[Collected data entries]
= = = = = = =
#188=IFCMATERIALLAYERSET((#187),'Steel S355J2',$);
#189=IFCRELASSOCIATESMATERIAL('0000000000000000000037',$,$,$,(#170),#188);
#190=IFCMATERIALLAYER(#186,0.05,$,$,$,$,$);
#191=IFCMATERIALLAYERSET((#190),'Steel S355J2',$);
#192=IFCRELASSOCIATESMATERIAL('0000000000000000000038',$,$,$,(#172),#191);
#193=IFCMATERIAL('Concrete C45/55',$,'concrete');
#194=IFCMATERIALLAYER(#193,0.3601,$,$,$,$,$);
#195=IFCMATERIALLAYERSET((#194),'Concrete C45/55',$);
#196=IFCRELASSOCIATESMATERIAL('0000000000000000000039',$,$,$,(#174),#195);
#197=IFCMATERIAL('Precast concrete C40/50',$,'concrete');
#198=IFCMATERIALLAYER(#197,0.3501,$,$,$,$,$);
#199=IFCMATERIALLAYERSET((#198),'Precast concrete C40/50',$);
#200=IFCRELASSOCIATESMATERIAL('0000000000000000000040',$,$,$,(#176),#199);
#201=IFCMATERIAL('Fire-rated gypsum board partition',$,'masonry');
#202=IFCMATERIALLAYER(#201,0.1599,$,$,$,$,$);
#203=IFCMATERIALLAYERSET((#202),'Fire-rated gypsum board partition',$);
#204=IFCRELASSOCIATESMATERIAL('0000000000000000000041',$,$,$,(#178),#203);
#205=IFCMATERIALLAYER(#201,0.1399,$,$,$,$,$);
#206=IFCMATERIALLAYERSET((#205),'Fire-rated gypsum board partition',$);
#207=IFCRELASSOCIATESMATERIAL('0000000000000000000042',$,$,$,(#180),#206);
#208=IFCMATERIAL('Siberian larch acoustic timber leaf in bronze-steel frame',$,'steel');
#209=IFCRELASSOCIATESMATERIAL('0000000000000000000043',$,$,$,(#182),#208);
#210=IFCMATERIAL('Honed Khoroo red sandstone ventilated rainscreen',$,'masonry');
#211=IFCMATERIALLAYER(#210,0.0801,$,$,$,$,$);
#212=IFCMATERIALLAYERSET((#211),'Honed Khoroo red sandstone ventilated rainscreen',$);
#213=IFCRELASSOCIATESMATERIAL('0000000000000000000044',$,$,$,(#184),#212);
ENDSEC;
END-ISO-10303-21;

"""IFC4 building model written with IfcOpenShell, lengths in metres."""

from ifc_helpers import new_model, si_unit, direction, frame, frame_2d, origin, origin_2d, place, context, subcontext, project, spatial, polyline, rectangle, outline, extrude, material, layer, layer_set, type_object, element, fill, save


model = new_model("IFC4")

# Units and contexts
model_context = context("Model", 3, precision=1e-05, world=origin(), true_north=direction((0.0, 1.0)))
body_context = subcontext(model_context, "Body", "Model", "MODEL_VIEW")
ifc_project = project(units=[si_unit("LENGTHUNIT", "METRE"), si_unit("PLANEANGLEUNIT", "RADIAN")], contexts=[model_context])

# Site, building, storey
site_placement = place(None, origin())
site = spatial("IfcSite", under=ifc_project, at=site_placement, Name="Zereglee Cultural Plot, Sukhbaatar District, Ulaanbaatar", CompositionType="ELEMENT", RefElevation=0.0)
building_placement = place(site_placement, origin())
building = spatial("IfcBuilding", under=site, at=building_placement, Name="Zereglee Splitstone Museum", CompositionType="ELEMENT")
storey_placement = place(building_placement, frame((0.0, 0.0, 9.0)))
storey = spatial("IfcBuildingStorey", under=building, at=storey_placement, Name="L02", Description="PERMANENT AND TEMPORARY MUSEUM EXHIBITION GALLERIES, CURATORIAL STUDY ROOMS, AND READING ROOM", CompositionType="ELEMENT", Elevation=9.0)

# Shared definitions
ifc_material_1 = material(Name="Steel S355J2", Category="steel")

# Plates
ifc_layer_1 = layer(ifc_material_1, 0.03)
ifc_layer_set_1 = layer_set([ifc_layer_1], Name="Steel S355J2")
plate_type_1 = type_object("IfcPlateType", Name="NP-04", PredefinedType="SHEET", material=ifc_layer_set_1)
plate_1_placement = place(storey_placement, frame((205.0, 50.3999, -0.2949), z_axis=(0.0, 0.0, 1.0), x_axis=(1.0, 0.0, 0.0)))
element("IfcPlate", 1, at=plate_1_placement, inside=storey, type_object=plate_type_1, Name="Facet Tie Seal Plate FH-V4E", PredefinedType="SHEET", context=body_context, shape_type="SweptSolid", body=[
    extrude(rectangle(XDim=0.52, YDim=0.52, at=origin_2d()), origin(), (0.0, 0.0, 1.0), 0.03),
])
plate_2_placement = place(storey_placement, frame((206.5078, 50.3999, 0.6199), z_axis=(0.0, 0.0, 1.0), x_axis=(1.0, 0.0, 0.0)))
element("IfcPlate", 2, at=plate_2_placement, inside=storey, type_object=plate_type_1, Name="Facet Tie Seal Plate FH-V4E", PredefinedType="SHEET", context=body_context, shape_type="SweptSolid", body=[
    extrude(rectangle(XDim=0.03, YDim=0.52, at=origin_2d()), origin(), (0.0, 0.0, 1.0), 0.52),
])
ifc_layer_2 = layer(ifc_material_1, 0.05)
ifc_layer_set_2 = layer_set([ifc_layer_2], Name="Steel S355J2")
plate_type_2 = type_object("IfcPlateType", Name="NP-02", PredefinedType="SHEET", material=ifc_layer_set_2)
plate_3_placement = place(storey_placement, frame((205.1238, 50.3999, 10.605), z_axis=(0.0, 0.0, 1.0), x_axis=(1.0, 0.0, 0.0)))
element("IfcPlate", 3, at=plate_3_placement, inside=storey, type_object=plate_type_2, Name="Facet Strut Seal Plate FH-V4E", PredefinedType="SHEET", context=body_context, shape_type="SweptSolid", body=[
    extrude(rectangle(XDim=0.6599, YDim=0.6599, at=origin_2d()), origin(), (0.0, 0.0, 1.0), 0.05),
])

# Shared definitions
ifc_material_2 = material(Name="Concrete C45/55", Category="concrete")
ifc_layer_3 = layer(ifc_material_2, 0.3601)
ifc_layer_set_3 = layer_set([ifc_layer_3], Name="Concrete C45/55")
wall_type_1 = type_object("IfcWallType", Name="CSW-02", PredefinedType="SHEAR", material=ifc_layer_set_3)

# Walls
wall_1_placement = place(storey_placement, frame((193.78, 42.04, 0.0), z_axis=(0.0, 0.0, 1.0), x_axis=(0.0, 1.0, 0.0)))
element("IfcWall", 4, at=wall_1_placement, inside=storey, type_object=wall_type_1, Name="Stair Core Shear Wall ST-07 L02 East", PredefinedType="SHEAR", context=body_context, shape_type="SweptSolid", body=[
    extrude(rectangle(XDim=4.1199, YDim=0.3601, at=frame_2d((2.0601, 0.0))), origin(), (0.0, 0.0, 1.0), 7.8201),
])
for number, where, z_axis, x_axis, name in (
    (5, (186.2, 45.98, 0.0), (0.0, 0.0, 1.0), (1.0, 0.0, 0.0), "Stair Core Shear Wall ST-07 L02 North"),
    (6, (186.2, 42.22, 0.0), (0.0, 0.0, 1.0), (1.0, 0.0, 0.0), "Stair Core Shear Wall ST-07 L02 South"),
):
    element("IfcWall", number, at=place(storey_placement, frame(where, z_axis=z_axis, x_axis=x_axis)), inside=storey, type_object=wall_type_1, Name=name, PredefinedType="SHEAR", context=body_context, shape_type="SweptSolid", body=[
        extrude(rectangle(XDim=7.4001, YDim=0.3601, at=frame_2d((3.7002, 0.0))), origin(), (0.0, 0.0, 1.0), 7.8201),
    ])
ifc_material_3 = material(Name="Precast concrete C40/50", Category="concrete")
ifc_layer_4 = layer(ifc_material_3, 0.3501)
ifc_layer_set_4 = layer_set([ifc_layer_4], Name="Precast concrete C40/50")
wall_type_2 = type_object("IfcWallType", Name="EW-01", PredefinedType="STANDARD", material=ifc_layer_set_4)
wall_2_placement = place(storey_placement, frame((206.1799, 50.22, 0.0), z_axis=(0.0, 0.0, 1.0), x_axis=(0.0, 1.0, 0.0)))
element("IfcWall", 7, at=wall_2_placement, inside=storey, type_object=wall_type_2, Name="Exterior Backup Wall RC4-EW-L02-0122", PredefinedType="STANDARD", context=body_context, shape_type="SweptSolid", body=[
= = = = = = =
- **How to complete this task**
Write out only the lines that run from the line containing "#195=IFCMATERIALLAYERSET((#194),'Concrete C45/55',$);" through the line containing "#198=IFCMATERIALLAYER(#197,0.3501,$,$,$,$,$);", both included, exactly as they appear above.

- **Response**
#195=IFCMATERIALLAYERSET((#194),'Concrete C45/55',$);
#196=IFCRELASSOCIATESMATERIAL('0000000000000000000039',$,$,$,(#174),#195);
#197=IFCMATERIAL('Precast concrete C40/50',$,'concrete');
#198=IFCMATERIALLAYER(#197,0.3501,$,$,$,$,$);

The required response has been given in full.